- Dataset records:
-- -- --

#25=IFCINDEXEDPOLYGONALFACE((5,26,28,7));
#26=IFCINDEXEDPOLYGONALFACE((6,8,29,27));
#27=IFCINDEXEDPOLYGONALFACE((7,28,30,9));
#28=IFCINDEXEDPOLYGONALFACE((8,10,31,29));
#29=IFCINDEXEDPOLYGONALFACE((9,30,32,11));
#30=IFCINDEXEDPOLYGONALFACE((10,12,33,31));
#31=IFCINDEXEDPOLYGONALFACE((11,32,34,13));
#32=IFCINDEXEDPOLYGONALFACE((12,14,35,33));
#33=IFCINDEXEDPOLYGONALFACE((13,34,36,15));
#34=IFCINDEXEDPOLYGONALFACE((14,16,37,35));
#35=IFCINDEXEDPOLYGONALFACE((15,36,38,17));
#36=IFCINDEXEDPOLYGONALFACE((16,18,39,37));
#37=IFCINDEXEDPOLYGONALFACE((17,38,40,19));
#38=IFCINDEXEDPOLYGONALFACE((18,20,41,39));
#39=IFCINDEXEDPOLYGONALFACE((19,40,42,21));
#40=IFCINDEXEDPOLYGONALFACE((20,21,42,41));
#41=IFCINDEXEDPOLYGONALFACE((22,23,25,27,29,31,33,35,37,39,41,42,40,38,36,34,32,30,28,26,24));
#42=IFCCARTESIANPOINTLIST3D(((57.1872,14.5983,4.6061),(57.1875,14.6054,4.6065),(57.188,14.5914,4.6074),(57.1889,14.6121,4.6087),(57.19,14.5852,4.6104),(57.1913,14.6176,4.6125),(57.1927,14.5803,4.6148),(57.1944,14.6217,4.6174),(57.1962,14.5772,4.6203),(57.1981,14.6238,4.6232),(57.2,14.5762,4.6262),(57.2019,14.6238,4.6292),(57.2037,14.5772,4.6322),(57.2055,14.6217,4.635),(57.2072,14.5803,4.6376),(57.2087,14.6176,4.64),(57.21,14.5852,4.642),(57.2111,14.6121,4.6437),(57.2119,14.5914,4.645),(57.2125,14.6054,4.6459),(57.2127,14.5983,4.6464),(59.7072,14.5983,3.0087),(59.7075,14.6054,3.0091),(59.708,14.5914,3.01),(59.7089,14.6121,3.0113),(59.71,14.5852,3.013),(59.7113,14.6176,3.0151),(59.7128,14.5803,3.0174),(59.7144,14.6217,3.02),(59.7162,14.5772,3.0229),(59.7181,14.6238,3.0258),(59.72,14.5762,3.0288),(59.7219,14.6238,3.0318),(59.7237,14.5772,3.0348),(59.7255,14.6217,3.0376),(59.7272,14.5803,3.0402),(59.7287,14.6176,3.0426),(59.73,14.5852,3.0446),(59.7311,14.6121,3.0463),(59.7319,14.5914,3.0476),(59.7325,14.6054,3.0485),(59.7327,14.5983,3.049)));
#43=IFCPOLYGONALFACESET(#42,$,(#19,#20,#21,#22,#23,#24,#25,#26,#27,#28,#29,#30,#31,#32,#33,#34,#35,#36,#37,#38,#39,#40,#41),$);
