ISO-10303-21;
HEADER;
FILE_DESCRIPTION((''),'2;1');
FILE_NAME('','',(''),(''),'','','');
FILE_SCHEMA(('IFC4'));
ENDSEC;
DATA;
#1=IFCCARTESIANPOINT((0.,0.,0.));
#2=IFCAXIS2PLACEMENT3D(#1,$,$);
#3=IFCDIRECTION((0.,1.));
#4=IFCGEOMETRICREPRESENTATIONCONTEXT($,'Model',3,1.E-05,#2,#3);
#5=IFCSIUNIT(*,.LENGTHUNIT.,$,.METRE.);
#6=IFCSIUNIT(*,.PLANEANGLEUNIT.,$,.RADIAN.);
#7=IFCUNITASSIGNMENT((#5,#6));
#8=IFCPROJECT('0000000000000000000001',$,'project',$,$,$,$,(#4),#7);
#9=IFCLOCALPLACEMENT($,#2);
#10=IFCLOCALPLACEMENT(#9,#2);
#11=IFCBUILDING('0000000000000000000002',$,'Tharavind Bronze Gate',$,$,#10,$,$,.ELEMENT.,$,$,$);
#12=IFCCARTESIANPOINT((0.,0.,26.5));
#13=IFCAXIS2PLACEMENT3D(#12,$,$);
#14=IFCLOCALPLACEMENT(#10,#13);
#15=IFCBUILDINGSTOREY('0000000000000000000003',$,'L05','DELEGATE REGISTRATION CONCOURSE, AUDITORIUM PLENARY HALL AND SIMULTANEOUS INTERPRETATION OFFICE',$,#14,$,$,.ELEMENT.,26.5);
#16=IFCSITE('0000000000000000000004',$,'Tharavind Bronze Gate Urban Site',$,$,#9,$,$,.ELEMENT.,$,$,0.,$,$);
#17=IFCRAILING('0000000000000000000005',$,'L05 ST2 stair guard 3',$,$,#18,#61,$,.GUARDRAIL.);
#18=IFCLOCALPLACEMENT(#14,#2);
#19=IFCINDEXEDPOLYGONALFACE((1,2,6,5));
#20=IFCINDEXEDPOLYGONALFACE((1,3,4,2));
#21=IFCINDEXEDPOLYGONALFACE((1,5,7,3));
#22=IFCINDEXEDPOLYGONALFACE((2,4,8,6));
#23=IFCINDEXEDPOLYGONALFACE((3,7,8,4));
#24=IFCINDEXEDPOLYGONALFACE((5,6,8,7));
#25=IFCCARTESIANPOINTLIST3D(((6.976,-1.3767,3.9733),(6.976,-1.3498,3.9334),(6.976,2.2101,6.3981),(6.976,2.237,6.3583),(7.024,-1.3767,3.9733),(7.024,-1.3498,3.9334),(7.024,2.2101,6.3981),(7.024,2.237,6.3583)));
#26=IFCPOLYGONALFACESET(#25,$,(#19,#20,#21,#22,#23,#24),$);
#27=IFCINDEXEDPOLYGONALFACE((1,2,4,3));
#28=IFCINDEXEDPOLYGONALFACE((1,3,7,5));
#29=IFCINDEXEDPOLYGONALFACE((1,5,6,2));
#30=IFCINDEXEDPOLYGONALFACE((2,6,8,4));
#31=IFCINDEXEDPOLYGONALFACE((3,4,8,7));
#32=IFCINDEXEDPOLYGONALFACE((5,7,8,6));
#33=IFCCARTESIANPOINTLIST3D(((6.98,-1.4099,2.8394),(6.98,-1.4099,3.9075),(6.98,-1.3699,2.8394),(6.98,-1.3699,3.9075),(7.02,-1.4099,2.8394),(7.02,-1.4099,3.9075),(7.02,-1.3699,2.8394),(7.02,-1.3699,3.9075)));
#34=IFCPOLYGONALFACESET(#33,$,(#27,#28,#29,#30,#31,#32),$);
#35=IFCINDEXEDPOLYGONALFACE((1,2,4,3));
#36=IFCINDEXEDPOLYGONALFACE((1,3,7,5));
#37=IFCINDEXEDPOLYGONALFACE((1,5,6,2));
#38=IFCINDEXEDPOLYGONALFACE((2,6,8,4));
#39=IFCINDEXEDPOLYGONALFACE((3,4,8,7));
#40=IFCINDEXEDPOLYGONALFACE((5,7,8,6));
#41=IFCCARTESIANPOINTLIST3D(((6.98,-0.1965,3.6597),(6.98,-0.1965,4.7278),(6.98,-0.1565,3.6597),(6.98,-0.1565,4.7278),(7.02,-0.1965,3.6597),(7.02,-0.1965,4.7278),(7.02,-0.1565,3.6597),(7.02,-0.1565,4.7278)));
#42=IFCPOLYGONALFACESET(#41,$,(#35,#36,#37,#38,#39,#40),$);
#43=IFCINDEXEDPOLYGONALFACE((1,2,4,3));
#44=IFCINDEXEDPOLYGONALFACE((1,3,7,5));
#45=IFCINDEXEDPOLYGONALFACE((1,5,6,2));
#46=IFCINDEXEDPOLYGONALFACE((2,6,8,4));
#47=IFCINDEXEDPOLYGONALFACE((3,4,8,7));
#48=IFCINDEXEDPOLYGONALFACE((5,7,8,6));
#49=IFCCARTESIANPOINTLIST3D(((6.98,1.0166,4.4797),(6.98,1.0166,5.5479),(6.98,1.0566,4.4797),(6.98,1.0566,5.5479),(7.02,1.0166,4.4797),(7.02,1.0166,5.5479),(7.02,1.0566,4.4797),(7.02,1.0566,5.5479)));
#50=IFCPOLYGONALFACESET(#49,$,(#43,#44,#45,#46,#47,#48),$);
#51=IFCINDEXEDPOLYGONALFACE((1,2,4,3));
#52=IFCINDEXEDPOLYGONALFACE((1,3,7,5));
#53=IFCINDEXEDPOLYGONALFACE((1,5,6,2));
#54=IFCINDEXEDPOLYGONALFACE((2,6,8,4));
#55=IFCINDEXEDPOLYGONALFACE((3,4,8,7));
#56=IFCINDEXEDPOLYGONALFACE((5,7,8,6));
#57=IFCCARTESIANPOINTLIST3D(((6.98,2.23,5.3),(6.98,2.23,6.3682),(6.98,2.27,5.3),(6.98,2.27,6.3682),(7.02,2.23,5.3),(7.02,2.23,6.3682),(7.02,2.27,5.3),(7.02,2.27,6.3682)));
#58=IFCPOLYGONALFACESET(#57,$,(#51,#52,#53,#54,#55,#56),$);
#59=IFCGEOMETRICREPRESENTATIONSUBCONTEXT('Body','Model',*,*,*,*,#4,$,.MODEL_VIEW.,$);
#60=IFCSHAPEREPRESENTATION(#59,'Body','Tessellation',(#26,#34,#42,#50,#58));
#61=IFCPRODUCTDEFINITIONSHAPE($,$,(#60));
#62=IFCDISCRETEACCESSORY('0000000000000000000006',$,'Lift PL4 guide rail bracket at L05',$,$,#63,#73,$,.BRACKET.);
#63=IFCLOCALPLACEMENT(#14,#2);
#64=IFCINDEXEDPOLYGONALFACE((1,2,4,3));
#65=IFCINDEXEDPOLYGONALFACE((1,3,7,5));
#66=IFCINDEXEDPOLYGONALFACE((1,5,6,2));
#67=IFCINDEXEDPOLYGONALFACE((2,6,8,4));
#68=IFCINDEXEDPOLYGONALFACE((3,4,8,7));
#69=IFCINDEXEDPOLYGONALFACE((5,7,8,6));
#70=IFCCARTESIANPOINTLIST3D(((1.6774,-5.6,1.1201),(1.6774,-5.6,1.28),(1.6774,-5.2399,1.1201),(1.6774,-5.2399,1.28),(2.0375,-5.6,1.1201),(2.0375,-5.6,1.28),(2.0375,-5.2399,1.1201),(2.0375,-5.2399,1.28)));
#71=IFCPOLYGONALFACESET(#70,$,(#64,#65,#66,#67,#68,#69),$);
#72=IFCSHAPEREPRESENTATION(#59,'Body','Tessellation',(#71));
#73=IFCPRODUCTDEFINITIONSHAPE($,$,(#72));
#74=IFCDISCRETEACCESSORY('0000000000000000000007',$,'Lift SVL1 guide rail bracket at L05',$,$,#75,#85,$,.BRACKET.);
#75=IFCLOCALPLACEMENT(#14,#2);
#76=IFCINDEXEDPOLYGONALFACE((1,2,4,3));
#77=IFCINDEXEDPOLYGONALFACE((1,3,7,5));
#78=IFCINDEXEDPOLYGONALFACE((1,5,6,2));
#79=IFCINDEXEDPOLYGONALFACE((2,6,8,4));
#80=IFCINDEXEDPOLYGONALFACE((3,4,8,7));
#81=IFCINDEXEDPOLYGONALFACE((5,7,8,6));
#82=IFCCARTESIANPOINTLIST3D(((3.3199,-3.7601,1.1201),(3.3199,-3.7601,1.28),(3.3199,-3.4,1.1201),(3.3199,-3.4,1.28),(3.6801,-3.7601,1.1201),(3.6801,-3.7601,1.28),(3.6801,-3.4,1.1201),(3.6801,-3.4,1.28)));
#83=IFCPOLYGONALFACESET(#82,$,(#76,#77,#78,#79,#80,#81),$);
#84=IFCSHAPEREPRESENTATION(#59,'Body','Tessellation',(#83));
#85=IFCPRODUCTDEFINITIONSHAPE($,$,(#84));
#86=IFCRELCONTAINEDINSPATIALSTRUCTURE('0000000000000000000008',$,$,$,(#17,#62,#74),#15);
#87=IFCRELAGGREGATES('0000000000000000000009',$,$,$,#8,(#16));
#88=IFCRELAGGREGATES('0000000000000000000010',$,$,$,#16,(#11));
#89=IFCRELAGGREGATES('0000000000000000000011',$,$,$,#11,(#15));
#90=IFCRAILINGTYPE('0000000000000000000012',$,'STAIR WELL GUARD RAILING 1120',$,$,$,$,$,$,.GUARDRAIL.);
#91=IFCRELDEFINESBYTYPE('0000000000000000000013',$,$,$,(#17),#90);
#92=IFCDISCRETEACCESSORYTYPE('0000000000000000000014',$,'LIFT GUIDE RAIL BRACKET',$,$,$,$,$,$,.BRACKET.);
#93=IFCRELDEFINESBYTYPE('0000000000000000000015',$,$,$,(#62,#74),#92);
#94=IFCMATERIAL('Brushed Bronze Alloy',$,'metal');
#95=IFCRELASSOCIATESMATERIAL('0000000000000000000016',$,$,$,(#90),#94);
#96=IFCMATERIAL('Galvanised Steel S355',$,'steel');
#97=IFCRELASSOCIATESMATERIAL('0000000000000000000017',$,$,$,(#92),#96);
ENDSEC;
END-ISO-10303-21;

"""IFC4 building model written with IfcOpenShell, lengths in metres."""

from ifc_helpers import new_model, si_unit, direction, frame, origin, origin_2d, place, context, subcontext, project, spatial, rectangle, extrude, material, type_object, element, save


model = new_model("IFC4")

# Units and contexts
model_context = context("Model", 3, precision=1e-05, world=origin(), true_north=direction((0.0, 1.0)))
body_context = subcontext(model_context, "Body", "Model", "MODEL_VIEW")
ifc_project = project(units=[si_unit("LENGTHUNIT", "METRE"), si_unit("PLANEANGLEUNIT", "RADIAN")], contexts=[model_context])

# Site, building, storey
site_placement = place(None, origin())
site = spatial("IfcSite", under=ifc_project, at=site_placement, Name="Tharavind Bronze Gate Urban Site", CompositionType="ELEMENT", RefElevation=0.0)
building_placement = place(site_placement, origin())
building = spatial("IfcBuilding", under=site, at=building_placement, Name="Tharavind Bronze Gate", CompositionType="ELEMENT")
storey_placement = place(building_placement, frame((0.0, 0.0, 26.5)))
storey = spatial("IfcBuildingStorey", under=building, at=storey_placement, Name="L05", Description="DELEGATE REGISTRATION CONCOURSE, AUDITORIUM PLENARY HALL AND SIMULTANEOUS INTERPRETATION OFFICE", CompositionType="ELEMENT", Elevation=26.5)

# Railing
ifc_material_1 = material(Name="Brushed Bronze Alloy", Category="metal")
railing_type_1 = type_object("IfcRailingType", Name="STAIR WELL GUARD RAILING 1120", PredefinedType="GUARDRAIL", material=ifc_material_1)
railing_1_placement = place(storey_placement, frame((7.0, -1.3899, 2.8394)))
element("IfcRailing", 1, at=railing_1_placement, inside=storey, type_object=railing_type_1, Name="L05 ST2 stair guard 3", PredefinedType="GUARDRAIL", context=body_context, shape_type="SweptSolid", body=[
    extrude(rectangle(XDim=0.0481, YDim=0.0481, at=origin_2d()), frame((0.0, 0.0266, 1.114), z_axis=(0.0, 0.828451, 0.560062), x_axis=(-1.0, 0.0, 0.0)), (0.0, 0.0, 1.0), 4.3296),
    extrude(rectangle(XDim=0.04, YDim=0.04, at=origin_2d()), origin(), (0.0, 0.0, 1.0), 1.0681),
    extrude(rectangle(XDim=0.04, YDim=0.04, at=origin_2d()), frame((0.0, 1.2134, 0.8203)), (0.0, 0.0, 1.0), 1.0681),
    extrude(rectangle(XDim=0.04, YDim=0.04, at=origin_2d()), frame((0.0, 2.4265, 1.6404)), (0.0, 0.0, 1.0), 1.0681),
    extrude(rectangle(XDim=0.04, YDim=0.04, at=origin_2d()), frame((0.0, 3.6399, 2.4607)), (0.0, 0.0, 1.0), 1.0681),
])

# Discrete accessories
ifc_material_2 = material(Name="Galvanised Steel S355", Category="steel")
discrete_accessory_type = type_object("IfcDiscreteAccessoryType", Name="LIFT GUIDE RAIL BRACKET", PredefinedType="BRACKET", material=ifc_material_2)
for number, where, z_axis, x_axis, name in (
    (2, (1.8574, -5.4199, 1.1201), (0.0, 0.0, 1.0), (1.0, 0.0, 0.0), "Lift PL4 guide rail bracket at L05"),
    (3, (3.5, -3.5801, 1.1201), (0.0, 0.0, 1.0), (1.0, 0.0, 0.0), "Lift SVL1 guide rail bracket at L05"),
):
    element("IfcDiscreteAccessory", number, at=place(storey_placement, frame(where, z_axis=z_axis, x_axis=x_axis)), inside=storey, type_object=discrete_accessory_type, Name=name, PredefinedType="BRACKET", context=body_context, shape_type="SweptSolid", body=[
        extrude(rectangle(XDim=0.3601, YDim=0.3601, at=origin_2d()), origin(), (0.0, 0.0, 1.0), 0.1599),
    ])

save(model, "model.ifc")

-- -- --

- What this task involves: Print only the lines that run from the start of the listing to the line bearing "#40=IFCINDEXEDPOLYGONALFACE((20,21,42,41));"; please keep the first line and that last one, exactly as they appear.

- Completed exercise:
#25=IFCINDEXEDPOLYGONALFACE((5,26,28,7));
#26=IFCINDEXEDPOLYGONALFACE((6,8,29,27));
#27=IFCINDEXEDPOLYGONALFACE((7,28,30,9));
#28=IFCINDEXEDPOLYGONALFACE((8,10,31,29));
#29=IFCINDEXEDPOLYGONALFACE((9,30,32,11));
#30=IFCINDEXEDPOLYGONALFACE((10,12,33,31));
#31=IFCINDEXEDPOLYGONALFACE((11,32,34,13));
#32=IFCINDEXEDPOLYGONALFACE((12,14,35,33));
#33=IFCINDEXEDPOLYGONALFACE((13,34,36,15));
#34=IFCINDEXEDPOLYGONALFACE((14,16,37,35));
#35=IFCINDEXEDPOLYGONALFACE((15,36,38,17));
#36=IFCINDEXEDPOLYGONALFACE((16,18,39,37));
#37=IFCINDEXEDPOLYGONALFACE((17,38,40,19));
#38=IFCINDEXEDPOLYGONALFACE((18,20,41,39));
#39=IFCINDEXEDPOLYGONALFACE((19,40,42,21));
#40=IFCINDEXEDPOLYGONALFACE((20,21,42,41));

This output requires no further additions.